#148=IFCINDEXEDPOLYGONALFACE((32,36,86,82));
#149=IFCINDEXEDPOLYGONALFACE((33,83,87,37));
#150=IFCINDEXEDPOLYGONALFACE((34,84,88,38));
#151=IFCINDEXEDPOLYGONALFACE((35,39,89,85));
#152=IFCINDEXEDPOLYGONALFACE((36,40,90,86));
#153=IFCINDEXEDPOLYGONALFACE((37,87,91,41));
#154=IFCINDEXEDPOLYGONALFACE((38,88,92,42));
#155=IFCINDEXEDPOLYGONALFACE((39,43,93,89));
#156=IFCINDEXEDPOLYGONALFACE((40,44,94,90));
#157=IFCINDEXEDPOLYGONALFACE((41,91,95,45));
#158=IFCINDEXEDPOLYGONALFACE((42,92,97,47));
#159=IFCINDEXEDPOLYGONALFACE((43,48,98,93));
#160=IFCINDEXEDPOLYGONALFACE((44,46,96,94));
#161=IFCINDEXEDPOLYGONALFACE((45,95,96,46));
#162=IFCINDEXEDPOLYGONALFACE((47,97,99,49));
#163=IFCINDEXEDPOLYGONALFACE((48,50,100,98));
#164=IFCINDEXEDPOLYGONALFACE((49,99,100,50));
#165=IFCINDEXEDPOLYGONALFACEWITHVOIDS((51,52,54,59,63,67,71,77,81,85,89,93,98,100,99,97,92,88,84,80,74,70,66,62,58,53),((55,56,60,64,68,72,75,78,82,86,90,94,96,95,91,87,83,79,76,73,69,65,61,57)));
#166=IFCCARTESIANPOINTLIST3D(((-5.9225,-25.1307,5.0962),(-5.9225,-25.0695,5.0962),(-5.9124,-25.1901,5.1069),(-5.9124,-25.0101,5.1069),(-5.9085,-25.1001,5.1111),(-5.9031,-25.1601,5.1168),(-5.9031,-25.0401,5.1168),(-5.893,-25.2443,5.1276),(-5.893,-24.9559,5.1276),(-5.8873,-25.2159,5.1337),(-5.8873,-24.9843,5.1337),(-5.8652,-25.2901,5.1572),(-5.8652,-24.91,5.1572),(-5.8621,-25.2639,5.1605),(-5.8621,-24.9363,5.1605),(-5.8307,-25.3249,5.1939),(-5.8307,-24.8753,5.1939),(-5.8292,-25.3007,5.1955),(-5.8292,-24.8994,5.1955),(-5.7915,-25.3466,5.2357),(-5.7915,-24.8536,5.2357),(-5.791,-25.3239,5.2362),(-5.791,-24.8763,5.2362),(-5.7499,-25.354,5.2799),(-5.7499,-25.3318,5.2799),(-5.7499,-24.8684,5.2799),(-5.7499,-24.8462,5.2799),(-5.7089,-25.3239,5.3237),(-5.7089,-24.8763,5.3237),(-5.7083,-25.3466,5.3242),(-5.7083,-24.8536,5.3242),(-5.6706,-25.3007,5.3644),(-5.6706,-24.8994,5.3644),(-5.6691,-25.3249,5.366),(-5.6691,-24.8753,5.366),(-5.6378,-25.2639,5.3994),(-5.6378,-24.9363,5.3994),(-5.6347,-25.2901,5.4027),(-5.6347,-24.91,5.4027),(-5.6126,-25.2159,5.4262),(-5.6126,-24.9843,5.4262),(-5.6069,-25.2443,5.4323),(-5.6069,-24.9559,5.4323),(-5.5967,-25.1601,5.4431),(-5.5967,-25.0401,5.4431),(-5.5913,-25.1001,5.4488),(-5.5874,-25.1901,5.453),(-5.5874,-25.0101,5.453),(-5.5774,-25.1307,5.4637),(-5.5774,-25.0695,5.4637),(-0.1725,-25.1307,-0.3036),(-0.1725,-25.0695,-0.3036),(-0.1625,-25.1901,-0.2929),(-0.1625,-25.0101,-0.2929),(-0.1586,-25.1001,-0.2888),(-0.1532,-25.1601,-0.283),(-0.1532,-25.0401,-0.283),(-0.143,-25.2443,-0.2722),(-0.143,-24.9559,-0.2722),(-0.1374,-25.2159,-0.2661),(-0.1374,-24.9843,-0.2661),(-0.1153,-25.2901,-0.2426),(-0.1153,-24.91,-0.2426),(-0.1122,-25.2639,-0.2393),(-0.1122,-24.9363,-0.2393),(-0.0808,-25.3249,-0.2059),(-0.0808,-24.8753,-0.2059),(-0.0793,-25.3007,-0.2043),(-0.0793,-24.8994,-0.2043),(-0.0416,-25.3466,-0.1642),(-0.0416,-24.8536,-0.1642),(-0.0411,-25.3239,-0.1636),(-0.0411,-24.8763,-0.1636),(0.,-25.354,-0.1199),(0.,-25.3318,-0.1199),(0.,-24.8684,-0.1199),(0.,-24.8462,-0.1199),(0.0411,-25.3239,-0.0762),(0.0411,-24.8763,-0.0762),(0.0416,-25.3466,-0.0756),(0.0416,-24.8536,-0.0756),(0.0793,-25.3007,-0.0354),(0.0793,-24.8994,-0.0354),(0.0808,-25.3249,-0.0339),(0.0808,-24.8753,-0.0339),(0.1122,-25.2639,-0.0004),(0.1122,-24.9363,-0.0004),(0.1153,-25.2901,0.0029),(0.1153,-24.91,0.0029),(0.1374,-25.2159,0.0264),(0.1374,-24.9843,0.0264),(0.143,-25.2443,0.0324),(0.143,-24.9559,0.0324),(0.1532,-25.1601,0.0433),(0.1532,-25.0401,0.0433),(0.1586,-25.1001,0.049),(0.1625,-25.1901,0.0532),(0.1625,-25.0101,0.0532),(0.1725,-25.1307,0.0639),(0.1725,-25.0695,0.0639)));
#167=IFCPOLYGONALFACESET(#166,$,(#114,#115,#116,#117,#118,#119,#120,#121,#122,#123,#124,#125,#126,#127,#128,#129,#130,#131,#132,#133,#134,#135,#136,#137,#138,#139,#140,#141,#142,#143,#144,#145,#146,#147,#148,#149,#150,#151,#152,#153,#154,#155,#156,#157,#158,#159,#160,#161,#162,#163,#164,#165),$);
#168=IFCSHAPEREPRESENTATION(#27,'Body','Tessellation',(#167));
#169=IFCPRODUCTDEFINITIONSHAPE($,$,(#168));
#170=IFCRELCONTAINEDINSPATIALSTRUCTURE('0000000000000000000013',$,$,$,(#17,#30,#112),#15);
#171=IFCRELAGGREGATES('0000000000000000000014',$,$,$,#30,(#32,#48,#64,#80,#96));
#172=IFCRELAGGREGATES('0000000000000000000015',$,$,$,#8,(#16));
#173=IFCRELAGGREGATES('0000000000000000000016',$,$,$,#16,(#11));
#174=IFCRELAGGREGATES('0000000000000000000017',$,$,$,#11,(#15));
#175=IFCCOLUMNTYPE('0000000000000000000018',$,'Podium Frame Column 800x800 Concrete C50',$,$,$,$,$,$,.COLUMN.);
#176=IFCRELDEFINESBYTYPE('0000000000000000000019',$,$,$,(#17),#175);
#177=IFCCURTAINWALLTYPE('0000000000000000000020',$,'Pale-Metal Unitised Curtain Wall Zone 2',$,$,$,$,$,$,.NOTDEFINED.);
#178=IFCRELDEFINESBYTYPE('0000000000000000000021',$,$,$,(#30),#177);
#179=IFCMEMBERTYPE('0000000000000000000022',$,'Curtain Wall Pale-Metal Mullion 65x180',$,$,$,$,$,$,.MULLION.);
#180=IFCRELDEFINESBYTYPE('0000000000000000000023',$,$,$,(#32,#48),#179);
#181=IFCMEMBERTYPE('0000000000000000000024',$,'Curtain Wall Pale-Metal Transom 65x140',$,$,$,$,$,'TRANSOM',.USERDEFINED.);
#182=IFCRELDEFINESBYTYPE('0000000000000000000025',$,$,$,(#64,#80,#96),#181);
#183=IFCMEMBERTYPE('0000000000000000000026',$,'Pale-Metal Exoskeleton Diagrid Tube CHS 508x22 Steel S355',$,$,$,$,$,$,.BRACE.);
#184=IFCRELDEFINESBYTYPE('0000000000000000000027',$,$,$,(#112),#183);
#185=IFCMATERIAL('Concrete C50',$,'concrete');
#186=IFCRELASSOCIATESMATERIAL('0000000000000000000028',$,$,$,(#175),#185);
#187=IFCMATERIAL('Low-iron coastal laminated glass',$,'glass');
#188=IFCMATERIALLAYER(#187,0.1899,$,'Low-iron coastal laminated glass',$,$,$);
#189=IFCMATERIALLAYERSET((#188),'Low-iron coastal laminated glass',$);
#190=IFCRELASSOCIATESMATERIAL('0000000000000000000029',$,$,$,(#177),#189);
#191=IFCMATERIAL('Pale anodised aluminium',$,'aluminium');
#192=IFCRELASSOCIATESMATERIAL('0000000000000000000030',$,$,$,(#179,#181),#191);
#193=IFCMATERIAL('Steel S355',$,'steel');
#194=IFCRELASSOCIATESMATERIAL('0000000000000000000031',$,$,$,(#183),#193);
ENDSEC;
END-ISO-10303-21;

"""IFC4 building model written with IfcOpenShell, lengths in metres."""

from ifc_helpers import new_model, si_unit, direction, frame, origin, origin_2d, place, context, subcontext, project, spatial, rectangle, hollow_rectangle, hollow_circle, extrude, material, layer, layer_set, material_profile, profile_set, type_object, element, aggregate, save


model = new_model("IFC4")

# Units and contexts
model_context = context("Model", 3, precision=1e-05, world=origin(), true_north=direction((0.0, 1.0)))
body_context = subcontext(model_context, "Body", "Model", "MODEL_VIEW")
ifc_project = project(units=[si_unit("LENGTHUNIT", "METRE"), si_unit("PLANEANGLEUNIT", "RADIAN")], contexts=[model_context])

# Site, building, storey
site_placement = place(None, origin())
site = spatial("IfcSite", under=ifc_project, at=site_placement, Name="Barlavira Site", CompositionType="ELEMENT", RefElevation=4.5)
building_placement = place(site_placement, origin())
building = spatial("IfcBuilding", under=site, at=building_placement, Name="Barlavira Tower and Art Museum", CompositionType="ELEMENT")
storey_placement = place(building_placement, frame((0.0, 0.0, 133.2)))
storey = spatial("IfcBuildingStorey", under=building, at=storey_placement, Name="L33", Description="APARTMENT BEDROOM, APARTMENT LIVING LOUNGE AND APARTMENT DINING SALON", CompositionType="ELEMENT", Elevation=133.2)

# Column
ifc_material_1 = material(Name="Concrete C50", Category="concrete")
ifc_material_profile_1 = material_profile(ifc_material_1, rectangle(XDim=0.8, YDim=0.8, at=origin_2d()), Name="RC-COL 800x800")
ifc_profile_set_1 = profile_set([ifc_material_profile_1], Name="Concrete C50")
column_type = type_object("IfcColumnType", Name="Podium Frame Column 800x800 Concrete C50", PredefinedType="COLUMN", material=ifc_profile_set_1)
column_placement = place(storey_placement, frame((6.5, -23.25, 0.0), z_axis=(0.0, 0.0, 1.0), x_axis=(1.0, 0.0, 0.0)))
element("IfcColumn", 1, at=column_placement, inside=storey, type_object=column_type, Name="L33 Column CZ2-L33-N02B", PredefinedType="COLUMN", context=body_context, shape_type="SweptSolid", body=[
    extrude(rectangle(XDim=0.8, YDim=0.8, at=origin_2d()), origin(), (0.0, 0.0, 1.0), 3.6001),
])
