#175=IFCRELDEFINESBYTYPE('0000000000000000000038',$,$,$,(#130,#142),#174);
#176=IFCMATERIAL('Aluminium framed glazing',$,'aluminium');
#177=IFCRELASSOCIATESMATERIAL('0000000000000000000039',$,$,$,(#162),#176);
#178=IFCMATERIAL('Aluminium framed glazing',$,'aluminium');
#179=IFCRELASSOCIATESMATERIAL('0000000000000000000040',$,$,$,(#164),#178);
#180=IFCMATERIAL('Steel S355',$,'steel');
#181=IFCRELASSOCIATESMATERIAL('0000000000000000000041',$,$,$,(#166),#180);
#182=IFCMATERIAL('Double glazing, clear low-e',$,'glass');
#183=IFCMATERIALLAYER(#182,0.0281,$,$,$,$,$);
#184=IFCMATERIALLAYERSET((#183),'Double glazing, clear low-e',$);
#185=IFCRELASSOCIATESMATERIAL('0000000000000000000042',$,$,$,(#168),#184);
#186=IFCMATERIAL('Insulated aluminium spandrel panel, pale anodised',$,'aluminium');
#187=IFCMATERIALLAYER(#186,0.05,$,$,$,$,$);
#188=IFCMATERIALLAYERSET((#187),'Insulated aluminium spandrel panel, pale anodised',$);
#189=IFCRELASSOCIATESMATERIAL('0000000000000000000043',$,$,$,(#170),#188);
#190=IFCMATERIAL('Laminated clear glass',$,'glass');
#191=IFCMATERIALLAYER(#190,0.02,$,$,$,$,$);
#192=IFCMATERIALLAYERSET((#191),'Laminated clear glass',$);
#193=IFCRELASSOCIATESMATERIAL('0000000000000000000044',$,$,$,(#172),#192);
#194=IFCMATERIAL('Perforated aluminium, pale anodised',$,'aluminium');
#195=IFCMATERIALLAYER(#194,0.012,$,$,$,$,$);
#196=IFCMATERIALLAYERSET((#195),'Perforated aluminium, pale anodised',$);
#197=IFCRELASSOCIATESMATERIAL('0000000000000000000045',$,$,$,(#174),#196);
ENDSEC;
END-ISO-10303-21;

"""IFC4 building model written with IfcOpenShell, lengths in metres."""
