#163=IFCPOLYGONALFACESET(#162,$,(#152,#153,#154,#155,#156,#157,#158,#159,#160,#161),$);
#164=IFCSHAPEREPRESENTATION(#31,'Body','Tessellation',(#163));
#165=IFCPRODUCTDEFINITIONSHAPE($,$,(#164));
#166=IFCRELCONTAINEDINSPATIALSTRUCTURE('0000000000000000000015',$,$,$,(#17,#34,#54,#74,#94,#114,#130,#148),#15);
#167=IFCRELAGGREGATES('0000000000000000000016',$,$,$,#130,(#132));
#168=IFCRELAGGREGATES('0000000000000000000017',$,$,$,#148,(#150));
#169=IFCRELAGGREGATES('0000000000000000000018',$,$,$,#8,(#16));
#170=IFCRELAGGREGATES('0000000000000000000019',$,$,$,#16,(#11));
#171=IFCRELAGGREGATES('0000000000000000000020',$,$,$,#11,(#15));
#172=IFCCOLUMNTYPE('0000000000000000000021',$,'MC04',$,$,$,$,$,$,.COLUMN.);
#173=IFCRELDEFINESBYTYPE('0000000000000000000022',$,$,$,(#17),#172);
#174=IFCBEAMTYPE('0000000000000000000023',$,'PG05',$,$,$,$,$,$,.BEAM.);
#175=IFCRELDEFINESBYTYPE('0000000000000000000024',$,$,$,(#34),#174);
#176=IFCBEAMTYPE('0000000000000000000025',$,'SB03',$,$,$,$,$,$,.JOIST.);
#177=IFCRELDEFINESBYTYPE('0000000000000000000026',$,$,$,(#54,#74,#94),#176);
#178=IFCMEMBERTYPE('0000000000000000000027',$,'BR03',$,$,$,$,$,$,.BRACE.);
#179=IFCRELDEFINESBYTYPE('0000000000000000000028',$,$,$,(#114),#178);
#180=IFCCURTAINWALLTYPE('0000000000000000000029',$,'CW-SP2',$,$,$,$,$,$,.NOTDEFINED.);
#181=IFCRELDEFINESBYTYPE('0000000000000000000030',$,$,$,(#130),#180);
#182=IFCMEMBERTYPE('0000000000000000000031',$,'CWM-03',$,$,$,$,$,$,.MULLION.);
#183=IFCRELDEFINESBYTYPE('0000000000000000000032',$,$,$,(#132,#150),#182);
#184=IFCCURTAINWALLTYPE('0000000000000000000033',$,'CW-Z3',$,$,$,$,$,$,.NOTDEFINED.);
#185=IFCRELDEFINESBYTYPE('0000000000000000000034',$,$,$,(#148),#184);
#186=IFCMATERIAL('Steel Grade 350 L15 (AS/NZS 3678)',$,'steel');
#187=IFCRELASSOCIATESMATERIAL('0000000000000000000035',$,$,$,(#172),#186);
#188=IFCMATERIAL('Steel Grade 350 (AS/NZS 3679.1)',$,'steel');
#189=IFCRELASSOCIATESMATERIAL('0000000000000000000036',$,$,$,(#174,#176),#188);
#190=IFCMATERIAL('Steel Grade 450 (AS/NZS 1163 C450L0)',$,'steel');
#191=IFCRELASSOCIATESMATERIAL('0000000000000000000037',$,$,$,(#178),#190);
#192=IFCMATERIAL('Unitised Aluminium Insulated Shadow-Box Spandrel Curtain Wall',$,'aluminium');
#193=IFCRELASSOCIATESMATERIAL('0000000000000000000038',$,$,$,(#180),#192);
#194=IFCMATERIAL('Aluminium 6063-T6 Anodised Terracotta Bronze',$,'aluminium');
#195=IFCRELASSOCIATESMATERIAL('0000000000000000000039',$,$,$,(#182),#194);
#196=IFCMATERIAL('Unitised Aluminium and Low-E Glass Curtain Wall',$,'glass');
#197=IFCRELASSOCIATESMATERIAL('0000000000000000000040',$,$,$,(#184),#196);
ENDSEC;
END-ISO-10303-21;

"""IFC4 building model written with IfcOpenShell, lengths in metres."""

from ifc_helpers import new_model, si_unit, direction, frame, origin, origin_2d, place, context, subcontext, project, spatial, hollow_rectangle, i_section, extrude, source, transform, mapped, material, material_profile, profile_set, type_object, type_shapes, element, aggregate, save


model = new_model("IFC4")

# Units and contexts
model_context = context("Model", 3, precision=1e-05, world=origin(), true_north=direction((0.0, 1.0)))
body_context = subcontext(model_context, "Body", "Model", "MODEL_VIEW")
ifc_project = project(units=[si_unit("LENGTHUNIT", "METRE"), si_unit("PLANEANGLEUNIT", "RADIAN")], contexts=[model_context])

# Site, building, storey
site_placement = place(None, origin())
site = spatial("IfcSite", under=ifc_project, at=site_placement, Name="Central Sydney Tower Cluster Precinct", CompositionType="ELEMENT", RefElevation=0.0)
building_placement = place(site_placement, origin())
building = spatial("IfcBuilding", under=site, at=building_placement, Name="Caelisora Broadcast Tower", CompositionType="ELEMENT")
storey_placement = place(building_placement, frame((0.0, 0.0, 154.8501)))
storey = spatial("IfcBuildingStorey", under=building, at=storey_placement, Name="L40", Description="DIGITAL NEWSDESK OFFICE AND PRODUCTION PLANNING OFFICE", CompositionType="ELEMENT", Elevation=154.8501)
..............................
* AIM OF THE EXERCISE *
The first line of the entries, the line with "#159=IFCINDEXEDPOLYGONALFACE((43,48,98,93));", and every line between them should be retyped exactly, and nothing else.

* RESULT OF THE EXERCISE *
#148=IFCINDEXEDPOLYGONALFACE((32,36,86,82));
#149=IFCINDEXEDPOLYGONALFACE((33,83,87,37));
#150=IFCINDEXEDPOLYGONALFACE((34,84,88,38));
#151=IFCINDEXEDPOLYGONALFACE((35,39,89,85));
#152=IFCINDEXEDPOLYGONALFACE((36,40,90,86));
#153=IFCINDEXEDPOLYGONALFACE((37,87,91,41));
#154=IFCINDEXEDPOLYGONALFACE((38,88,92,42));
#155=IFCINDEXEDPOLYGONALFACE((39,43,93,89));
#156=IFCINDEXEDPOLYGONALFACE((40,44,94,90));
#157=IFCINDEXEDPOLYGONALFACE((41,91,95,45));
#158=IFCINDEXEDPOLYGONALFACE((42,92,97,47));
#159=IFCINDEXEDPOLYGONALFACE((43,48,98,93));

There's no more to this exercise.